Extracted material
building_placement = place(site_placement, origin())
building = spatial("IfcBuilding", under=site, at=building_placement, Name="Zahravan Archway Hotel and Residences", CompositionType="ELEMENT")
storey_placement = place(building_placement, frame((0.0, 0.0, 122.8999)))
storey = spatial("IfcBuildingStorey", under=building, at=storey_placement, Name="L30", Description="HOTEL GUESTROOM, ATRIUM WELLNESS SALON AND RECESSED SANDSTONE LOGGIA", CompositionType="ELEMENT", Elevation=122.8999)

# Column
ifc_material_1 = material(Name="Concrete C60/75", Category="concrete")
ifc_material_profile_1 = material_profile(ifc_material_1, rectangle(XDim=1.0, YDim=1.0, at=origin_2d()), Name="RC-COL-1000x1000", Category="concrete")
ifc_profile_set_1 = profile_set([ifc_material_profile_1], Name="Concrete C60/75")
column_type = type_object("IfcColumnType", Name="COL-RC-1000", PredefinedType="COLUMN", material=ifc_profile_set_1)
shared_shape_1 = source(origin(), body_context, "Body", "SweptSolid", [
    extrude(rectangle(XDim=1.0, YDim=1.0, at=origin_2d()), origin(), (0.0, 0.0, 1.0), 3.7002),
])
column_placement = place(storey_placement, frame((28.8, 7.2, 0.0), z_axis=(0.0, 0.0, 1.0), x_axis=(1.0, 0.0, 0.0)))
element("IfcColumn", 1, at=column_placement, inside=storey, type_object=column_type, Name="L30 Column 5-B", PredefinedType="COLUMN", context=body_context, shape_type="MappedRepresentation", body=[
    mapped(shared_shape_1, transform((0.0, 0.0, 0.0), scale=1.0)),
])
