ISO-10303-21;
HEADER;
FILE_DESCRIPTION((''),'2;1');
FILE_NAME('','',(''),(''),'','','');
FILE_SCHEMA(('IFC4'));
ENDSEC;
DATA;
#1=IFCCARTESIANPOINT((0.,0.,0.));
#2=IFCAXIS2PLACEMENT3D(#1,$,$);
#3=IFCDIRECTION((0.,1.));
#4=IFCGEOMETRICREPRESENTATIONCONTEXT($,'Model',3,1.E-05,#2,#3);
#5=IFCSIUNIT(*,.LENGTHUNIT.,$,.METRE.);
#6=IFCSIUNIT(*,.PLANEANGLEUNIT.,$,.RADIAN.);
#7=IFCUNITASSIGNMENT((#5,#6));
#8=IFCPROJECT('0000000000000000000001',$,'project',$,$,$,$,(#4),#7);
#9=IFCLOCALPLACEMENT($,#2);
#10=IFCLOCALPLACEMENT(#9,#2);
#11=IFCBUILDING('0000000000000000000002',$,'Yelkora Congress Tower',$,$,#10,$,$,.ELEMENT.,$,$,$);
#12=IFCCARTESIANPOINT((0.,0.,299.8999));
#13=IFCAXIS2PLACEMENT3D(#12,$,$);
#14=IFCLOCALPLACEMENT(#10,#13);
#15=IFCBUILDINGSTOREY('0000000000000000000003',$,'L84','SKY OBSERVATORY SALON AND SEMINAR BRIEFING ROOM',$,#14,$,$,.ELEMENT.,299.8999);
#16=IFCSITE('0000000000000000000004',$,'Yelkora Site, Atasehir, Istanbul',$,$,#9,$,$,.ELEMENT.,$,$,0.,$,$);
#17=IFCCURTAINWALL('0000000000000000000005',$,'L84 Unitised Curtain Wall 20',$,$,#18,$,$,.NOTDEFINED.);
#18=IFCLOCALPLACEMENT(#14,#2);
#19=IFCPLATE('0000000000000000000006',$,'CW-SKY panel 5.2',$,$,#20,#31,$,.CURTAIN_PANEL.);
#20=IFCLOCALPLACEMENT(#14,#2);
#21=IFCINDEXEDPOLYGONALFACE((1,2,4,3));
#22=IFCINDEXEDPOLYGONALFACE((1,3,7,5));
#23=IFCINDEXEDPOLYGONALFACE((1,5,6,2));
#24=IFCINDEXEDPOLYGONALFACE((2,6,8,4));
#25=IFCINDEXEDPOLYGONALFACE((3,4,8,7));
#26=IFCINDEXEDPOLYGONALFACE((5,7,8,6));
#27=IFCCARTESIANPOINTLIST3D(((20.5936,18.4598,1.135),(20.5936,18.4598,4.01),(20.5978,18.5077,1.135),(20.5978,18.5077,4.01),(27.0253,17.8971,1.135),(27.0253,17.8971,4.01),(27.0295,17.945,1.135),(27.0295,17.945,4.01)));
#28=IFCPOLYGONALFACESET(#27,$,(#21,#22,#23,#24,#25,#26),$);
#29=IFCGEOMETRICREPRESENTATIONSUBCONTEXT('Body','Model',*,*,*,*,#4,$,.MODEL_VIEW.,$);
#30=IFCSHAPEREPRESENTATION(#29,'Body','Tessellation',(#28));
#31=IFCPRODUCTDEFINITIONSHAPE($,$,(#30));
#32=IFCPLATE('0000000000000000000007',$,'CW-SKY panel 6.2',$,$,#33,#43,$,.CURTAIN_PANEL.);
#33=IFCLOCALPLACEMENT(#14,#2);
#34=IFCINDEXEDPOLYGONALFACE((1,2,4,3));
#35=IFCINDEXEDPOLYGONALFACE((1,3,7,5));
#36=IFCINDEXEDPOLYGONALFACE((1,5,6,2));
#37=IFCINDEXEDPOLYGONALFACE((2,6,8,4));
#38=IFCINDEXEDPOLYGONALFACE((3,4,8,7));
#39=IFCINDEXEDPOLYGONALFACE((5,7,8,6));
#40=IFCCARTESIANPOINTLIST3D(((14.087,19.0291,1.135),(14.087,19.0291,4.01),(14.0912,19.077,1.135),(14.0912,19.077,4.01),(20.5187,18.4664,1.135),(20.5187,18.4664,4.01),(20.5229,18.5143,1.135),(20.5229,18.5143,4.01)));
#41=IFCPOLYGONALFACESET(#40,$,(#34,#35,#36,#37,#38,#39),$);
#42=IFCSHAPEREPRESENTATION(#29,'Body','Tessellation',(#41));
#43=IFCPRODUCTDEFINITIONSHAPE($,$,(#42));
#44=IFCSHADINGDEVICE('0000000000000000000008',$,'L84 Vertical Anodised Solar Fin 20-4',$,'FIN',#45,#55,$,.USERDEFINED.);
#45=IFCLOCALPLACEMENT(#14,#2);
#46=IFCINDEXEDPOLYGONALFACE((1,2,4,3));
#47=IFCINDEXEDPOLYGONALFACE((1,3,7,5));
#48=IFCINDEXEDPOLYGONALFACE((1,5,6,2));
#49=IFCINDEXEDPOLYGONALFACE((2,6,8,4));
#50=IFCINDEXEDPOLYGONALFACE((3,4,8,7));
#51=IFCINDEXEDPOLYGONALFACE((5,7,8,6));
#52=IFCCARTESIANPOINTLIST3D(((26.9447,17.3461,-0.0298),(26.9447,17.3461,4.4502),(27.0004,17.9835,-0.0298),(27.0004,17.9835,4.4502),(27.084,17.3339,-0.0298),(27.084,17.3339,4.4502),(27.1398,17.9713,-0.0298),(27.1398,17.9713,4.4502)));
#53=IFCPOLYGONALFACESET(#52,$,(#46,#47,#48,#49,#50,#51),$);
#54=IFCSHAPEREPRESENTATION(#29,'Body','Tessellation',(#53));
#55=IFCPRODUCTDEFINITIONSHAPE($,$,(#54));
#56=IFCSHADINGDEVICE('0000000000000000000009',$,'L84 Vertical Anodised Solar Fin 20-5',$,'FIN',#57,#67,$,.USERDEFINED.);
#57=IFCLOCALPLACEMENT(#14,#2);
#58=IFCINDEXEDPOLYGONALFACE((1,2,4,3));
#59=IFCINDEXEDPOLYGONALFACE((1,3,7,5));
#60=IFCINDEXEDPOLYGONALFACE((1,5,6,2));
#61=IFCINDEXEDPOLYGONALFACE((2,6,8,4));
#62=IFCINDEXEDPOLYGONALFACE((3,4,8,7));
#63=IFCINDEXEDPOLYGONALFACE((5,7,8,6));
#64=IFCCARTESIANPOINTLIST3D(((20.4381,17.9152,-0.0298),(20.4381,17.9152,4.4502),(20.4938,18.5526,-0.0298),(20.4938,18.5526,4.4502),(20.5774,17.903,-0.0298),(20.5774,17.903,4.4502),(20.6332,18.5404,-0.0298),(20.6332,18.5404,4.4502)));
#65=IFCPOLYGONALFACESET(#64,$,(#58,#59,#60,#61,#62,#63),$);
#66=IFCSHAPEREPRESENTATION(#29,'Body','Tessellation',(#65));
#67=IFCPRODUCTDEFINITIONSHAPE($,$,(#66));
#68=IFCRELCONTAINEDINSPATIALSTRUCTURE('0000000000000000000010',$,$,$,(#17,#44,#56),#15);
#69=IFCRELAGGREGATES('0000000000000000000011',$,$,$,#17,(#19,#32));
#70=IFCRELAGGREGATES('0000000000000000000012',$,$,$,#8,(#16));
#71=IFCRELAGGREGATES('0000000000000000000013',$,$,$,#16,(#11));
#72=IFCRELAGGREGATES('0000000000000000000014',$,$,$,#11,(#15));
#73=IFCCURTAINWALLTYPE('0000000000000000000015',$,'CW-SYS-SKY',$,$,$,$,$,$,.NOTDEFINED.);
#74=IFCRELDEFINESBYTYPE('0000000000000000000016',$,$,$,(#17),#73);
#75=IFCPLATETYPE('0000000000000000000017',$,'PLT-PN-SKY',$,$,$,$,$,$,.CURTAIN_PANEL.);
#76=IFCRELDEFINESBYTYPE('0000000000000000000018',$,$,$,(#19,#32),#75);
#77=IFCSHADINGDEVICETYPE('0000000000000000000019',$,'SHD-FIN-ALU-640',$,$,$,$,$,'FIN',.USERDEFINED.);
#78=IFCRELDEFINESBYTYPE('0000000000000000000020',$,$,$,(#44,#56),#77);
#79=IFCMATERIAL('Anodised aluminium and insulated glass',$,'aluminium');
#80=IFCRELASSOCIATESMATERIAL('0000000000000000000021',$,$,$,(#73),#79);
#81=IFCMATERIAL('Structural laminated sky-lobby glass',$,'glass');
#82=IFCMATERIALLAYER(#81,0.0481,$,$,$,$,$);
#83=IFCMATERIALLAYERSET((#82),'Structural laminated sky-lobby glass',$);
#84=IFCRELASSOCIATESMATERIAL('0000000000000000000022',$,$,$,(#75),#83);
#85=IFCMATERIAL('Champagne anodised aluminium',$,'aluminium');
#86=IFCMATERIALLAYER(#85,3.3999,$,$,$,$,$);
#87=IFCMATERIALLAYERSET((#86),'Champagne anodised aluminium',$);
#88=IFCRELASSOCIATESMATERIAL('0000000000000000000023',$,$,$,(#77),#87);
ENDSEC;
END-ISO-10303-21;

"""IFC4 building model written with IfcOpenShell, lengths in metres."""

from ifc_helpers import new_model, si_unit, direction, frame, origin, origin_2d, place, context, subcontext, project, spatial, rectangle, extrude, material, layer, layer_set, type_object, element, aggregate, save


model = new_model("IFC4")

# Units and contexts
model_context = context("Model", 3, precision=1e-05, world=origin(), true_north=direction((0.0, 1.0)))
body_context = subcontext(model_context, "Body", "Model", "MODEL_VIEW")
ifc_project = project(units=[si_unit("LENGTHUNIT", "METRE"), si_unit("PLANEANGLEUNIT", "RADIAN")], contexts=[model_context])

# Site, building, storey
site_placement = place(None, origin())
site = spatial("IfcSite", under=ifc_project, at=site_placement, Name="Yelkora Site, Atasehir, Istanbul", CompositionType="ELEMENT", RefElevation=0.0)
building_placement = place(site_placement, origin())
building = spatial("IfcBuilding", under=site, at=building_placement, Name="Yelkora Congress Tower", CompositionType="ELEMENT")
storey_placement = place(building_placement, frame((0.0, 0.0, 299.8999)))
storey = spatial("IfcBuildingStorey", under=building, at=storey_placement, Name="L84", Description="SKY OBSERVATORY SALON AND SEMINAR BRIEFING ROOM", CompositionType="ELEMENT", Elevation=299.8999)

# Curtain wall, plates
ifc_material_1 = material(Name="Anodised aluminium and insulated glass", Category="aluminium")
curtain_wall_type = type_object("IfcCurtainWallType", Name="CW-SYS-SKY", PredefinedType="NOTDEFINED", material=ifc_material_1)
curtain_wall_placement = place(storey_placement, origin())
curtain_wall = element("IfcCurtainWall", 1, at=curtain_wall_placement, inside=storey, type_object=curtain_wall_type, Name="L84 Unitised Curtain Wall 20", PredefinedType="NOTDEFINED")
ifc_material_2 = material(Name="Structural laminated sky-lobby glass", Category="glass")
ifc_layer_1 = layer(ifc_material_2, 0.0481)
ifc_layer_set_1 = layer_set([ifc_layer_1], Name="Structural laminated sky-lobby glass")
plate_type = type_object("IfcPlateType", Name="PLT-PN-SKY", PredefinedType="CURTAIN_PANEL", material=ifc_layer_set_1)
plate_1_placement = place(storey_placement, frame((23.8115, 18.2024, 1.135), z_axis=(0.0, 0.0, 1.0), x_axis=(-0.996195, 0.087157, 0.0)))
plate_1 = element("IfcPlate", 2, at=plate_1_placement, type_object=plate_type, Name="CW-SKY panel 5.2", PredefinedType="CURTAIN_PANEL", context=body_context, shape_type="SweptSolid", body=[
    extrude(rectangle(XDim=6.4563, YDim=0.0481, at=origin_2d()), origin(), (0.0, 0.0, 1.0), 2.875),
])
plate_2_placement = place(storey_placement, frame((17.3049, 18.7717, 1.135), z_axis=(0.0, 0.0, 1.0), x_axis=(-0.996195, 0.087157, 0.0)))
plate_2 = element("IfcPlate", 3, at=plate_2_placement, type_object=plate_type, Name="CW-SKY panel 6.2", PredefinedType="CURTAIN_PANEL", context=body_context, shape_type="SweptSolid", body=[
    extrude(rectangle(XDim=6.4563, YDim=0.0481, at=origin_2d()), origin(), (0.0, 0.0, 1.0), 2.875),
])
aggregate(curtain_wall, [plate_1, plate_2])

# Shading devices
ifc_material_3 = material(Name="Champagne anodised aluminium", Category="aluminium")
ifc_layer_2 = layer(ifc_material_3, 3.3999)
ifc_layer_set_2 = layer_set([ifc_layer_2], Name="Champagne anodised aluminium")
shading_device_type = type_object("IfcShadingDeviceType", Name="SHD-FIN-ALU-640", ElementType="FIN", PredefinedType="USERDEFINED", material=ifc_layer_set_2)
for number, where, z_axis, x_axis, name in (
    (4, (27.0422, 17.6587, -0.0298), (0.0, 0.0, 1.0), (-0.996195, 0.087156, 0.0), "L84 Vertical Anodised Solar Fin 20-4"),
    (5, (20.5356, 18.2278, -0.0298), (0.0, 0.0, 1.0), (-0.996195, 0.087156, 0.0), "L84 Vertical Anodised Solar Fin 20-5"),
):
    element("IfcShadingDevice", number, at=place(storey_placement, frame(where, z_axis=z_axis, x_axis=x_axis)), inside=storey, type_object=shading_device_type, Name=name, ObjectType="FIN", PredefinedType="USERDEFINED", context=body_context, shape_type="SweptSolid", body=[
        extrude(rectangle(XDim=0.1399, YDim=0.6399, at=origin_2d()), origin(), (0.0, 0.0, 1.0), 4.48),
    ])

save(model, "model.ifc")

About this exercise
Retype only the stretch of lines above starting at the one with "#28=IFCPOLYGONALFACESET(#27,$,(#21,#22,#23,#24,#25,#26),$);" and stopping at the one with "#35=IFCINDEXEDPOLYGONALFACE((1,3,7,5));", exactly as written, with both kept.

Solution to this task
#28=IFCPOLYGONALFACESET(#27,$,(#21,#22,#23,#24,#25,#26),$);
#29=IFCGEOMETRICREPRESENTATIONSUBCONTEXT('Body','Model',*,*,*,*,#4,$,.MODEL_VIEW.,$);
#30=IFCSHAPEREPRESENTATION(#29,'Body','Tessellation',(#28));
#31=IFCPRODUCTDEFINITIONSHAPE($,$,(#30));
#32=IFCPLATE('0000000000000000000007',$,'CW-SKY panel 6.2',$,$,#33,#43,$,.CURTAIN_PANEL.);
#33=IFCLOCALPLACEMENT(#14,#2);
#34=IFCINDEXEDPOLYGONALFACE((1,2,4,3));
#35=IFCINDEXEDPOLYGONALFACE((1,3,7,5));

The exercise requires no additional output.